WORK ORDER ->
In the data below, find the line containing "#64=IFCINDEXEDPOLYGONALFACE((3,6,18,15));", then set down that line and every later line up to and including the line containing "#70=IFCINDEXEDPOLYGONALFACE((8,11,23,20));", exactly.

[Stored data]

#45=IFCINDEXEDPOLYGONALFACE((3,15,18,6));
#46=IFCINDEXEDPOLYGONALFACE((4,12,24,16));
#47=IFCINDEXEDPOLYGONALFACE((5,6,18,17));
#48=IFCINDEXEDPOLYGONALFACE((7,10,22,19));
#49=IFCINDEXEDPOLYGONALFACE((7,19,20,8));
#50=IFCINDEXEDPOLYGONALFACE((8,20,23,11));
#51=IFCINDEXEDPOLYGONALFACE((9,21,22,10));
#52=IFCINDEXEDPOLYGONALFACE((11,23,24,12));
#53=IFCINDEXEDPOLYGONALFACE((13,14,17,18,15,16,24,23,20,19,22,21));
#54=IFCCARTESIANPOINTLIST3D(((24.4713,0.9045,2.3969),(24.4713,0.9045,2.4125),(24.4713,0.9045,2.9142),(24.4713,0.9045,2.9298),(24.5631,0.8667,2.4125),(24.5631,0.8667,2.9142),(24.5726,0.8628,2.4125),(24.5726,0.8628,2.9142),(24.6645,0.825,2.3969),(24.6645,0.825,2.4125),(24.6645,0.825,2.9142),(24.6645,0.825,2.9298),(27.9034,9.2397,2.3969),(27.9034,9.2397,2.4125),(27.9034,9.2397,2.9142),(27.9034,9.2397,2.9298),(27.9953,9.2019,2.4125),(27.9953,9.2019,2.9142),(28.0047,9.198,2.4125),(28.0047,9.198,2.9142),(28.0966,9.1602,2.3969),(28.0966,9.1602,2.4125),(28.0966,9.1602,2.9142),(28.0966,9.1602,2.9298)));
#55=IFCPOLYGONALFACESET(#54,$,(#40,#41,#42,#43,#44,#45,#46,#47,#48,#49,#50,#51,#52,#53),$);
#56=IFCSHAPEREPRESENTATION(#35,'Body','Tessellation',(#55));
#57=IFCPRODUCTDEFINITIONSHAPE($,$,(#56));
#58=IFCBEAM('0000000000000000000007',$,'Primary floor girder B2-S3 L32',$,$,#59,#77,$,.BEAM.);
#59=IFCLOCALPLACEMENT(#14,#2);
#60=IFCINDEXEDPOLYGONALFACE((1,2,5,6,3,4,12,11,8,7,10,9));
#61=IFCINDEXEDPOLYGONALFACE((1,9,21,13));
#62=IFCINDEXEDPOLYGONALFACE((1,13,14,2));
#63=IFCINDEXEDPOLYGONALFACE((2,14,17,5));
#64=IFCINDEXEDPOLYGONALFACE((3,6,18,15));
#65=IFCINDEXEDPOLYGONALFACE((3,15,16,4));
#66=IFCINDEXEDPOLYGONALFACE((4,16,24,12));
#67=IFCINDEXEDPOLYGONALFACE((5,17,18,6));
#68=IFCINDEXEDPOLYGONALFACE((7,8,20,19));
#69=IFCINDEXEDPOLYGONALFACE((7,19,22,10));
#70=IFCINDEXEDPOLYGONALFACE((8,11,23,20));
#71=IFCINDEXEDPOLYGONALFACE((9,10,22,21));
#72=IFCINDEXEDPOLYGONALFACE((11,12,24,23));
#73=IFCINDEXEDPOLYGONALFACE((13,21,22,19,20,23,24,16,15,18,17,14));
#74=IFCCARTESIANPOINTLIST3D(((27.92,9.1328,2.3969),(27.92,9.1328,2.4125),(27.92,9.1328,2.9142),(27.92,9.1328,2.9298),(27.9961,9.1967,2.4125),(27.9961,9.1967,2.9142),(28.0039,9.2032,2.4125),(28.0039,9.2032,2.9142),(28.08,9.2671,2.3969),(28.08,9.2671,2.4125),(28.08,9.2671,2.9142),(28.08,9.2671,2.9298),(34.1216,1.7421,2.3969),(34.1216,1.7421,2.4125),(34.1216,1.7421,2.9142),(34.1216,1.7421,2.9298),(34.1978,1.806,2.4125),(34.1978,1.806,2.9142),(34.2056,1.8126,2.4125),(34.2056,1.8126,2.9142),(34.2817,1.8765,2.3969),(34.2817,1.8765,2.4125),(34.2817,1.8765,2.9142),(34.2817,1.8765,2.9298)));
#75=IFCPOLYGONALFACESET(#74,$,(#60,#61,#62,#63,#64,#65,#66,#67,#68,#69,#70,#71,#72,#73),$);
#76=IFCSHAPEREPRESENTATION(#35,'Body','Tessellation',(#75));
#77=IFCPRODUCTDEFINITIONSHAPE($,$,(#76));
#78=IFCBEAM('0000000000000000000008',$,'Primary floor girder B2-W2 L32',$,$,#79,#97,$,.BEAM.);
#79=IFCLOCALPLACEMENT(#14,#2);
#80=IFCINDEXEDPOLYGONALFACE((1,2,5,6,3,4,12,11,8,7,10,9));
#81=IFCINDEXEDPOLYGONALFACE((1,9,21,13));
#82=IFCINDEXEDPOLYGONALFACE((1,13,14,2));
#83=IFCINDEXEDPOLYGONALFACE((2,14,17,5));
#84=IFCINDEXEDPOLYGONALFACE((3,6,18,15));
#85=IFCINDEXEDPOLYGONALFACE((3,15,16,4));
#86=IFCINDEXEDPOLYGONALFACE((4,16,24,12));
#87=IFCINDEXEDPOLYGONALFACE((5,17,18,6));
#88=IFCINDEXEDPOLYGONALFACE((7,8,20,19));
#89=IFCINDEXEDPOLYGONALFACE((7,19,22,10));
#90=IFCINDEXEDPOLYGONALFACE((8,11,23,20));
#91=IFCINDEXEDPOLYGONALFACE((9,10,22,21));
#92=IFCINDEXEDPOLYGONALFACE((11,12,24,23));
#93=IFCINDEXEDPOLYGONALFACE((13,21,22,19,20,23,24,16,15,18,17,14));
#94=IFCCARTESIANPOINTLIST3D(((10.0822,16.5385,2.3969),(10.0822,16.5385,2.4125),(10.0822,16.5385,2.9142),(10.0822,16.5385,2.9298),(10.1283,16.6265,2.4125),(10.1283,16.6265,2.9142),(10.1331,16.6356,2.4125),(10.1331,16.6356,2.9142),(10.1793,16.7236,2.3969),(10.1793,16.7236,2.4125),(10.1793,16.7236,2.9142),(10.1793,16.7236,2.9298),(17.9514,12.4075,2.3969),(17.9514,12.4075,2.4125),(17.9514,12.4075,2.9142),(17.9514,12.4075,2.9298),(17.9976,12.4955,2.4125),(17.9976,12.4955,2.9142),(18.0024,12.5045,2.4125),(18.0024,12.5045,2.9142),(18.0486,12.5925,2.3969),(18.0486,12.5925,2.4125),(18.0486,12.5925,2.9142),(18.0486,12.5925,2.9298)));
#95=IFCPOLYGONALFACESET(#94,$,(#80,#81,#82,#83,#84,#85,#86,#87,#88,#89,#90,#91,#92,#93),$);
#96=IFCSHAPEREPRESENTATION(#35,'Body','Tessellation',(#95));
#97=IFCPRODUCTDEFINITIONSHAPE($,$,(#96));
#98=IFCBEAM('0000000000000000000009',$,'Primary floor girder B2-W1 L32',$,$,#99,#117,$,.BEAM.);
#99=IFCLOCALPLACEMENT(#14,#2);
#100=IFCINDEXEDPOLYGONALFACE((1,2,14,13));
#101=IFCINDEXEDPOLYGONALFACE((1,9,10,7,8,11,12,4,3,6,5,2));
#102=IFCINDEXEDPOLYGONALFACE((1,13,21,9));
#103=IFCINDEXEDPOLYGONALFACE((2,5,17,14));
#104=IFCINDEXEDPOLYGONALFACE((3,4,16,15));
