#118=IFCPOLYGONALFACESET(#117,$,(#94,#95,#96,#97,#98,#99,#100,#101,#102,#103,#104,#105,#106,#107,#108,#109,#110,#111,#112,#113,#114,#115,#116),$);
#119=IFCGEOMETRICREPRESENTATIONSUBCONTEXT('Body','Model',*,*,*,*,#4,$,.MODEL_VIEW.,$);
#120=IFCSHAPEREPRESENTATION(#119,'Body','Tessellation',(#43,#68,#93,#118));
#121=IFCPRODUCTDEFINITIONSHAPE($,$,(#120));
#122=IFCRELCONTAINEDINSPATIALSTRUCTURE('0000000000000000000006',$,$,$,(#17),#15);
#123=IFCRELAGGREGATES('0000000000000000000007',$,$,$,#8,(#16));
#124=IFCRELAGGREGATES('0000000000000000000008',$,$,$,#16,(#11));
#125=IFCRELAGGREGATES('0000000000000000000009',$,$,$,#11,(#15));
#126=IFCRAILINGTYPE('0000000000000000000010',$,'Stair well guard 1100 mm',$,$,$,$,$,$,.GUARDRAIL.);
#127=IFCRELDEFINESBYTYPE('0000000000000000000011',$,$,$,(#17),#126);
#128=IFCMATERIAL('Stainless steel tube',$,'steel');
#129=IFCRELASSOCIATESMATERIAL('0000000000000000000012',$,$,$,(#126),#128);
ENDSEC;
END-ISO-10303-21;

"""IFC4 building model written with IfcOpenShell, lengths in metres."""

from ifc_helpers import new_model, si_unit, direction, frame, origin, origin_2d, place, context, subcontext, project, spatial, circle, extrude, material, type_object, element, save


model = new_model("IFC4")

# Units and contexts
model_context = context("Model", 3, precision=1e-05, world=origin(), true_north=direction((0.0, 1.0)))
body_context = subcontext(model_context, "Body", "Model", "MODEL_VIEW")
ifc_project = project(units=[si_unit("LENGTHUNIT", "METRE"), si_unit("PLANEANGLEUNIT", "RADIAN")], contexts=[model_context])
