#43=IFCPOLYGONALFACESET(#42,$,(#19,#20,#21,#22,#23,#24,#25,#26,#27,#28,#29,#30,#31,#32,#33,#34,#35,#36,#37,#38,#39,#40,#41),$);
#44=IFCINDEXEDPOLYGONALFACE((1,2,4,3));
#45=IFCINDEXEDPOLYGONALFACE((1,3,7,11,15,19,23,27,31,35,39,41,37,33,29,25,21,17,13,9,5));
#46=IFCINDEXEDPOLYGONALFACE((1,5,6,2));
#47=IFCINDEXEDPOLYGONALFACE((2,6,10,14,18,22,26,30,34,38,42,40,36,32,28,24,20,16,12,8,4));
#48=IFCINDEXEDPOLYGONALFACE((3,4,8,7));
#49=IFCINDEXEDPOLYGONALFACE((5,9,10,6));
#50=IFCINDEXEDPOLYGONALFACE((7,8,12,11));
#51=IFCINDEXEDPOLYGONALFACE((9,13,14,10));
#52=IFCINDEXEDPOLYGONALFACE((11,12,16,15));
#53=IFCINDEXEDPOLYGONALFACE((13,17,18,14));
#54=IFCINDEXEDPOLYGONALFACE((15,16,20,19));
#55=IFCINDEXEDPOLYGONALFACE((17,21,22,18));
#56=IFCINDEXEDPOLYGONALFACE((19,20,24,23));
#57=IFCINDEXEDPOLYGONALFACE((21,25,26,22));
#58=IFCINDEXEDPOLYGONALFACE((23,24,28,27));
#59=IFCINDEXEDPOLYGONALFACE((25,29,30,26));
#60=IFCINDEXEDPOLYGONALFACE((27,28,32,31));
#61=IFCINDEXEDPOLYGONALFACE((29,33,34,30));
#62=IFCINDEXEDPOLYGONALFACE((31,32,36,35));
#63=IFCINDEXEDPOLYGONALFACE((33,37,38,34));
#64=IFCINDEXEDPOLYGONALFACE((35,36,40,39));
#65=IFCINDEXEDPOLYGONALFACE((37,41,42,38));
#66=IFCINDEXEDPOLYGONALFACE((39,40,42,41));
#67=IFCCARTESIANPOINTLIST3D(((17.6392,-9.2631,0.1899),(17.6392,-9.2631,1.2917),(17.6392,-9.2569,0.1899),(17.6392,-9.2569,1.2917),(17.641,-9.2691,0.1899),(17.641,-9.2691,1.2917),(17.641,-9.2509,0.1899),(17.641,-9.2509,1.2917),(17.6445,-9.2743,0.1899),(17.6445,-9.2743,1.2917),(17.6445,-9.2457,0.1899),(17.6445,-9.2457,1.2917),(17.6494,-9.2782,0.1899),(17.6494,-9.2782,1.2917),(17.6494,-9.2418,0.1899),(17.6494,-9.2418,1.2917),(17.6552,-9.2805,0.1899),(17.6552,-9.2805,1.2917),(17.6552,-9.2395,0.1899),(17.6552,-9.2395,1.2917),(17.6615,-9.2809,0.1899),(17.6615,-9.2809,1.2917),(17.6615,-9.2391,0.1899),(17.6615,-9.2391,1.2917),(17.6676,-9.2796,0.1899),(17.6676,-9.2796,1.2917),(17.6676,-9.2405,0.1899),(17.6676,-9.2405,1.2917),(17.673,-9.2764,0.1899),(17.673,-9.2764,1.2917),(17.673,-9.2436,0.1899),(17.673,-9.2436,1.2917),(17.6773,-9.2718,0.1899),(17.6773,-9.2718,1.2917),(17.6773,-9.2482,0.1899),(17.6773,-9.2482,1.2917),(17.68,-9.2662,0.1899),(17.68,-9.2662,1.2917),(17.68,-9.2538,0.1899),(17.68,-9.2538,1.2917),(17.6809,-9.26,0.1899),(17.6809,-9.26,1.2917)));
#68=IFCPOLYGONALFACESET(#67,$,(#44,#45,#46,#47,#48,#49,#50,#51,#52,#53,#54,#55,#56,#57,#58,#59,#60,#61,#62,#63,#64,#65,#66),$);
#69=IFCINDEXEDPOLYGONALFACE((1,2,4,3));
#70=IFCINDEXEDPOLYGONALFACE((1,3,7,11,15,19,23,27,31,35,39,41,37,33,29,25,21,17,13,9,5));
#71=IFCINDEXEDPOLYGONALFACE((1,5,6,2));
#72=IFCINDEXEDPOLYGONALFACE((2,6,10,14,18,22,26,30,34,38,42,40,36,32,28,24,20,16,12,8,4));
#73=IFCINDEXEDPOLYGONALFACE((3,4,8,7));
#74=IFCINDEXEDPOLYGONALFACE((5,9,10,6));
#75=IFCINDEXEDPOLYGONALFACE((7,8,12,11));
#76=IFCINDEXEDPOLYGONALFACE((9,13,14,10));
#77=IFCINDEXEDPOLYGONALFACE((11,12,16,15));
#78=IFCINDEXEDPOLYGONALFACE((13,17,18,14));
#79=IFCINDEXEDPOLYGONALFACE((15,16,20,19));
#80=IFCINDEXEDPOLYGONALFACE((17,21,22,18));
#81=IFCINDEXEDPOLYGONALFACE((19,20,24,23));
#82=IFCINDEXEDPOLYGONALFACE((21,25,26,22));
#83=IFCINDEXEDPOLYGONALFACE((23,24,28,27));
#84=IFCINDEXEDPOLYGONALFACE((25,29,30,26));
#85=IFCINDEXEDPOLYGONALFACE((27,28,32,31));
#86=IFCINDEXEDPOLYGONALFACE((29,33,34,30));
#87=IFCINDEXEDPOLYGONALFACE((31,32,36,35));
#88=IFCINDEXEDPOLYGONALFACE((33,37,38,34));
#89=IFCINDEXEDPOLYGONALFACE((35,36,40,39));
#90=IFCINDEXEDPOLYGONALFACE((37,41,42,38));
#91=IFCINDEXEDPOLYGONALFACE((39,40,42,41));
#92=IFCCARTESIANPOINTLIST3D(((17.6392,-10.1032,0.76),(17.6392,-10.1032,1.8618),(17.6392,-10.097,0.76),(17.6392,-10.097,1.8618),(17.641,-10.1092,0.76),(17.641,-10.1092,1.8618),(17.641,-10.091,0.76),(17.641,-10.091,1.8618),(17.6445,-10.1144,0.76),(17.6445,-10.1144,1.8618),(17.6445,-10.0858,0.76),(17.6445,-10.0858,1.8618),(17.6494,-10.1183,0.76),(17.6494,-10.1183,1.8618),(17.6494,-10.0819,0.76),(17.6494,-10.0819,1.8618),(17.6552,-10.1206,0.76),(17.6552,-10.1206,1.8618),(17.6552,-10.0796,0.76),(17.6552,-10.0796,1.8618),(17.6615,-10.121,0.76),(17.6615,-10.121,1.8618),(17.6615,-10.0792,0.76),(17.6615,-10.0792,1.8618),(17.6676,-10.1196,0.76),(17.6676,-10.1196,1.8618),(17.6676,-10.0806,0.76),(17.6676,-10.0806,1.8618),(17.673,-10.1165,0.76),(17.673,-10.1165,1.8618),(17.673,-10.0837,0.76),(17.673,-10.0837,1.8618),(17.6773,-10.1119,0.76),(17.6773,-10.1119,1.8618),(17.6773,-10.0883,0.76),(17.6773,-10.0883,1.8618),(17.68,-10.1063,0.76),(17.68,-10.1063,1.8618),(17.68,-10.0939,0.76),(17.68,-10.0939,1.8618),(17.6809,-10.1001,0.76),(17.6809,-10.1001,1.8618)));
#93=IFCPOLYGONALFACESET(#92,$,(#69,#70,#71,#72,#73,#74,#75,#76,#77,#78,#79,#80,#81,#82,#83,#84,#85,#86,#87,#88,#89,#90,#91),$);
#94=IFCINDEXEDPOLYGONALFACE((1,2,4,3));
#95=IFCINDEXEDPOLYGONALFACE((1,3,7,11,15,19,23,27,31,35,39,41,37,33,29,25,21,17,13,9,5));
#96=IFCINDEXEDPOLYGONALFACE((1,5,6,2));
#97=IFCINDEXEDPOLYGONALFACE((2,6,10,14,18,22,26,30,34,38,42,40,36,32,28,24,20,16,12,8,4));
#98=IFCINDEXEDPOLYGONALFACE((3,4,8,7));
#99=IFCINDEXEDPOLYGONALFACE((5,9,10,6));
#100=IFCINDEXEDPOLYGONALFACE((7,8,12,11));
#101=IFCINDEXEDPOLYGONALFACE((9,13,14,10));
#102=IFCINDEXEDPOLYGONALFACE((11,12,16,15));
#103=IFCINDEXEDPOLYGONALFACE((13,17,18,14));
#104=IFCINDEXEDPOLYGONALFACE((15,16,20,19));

RESPONSE FOR THIS EXERCISE ->
#64=IFCINDEXEDPOLYGONALFACE((3,6,18,15));
#65=IFCINDEXEDPOLYGONALFACE((3,15,16,4));
#66=IFCINDEXEDPOLYGONALFACE((4,16,24,12));
#67=IFCINDEXEDPOLYGONALFACE((5,17,18,6));
#68=IFCINDEXEDPOLYGONALFACE((7,8,20,19));
#69=IFCINDEXEDPOLYGONALFACE((7,19,22,10));
#70=IFCINDEXEDPOLYGONALFACE((8,11,23,20));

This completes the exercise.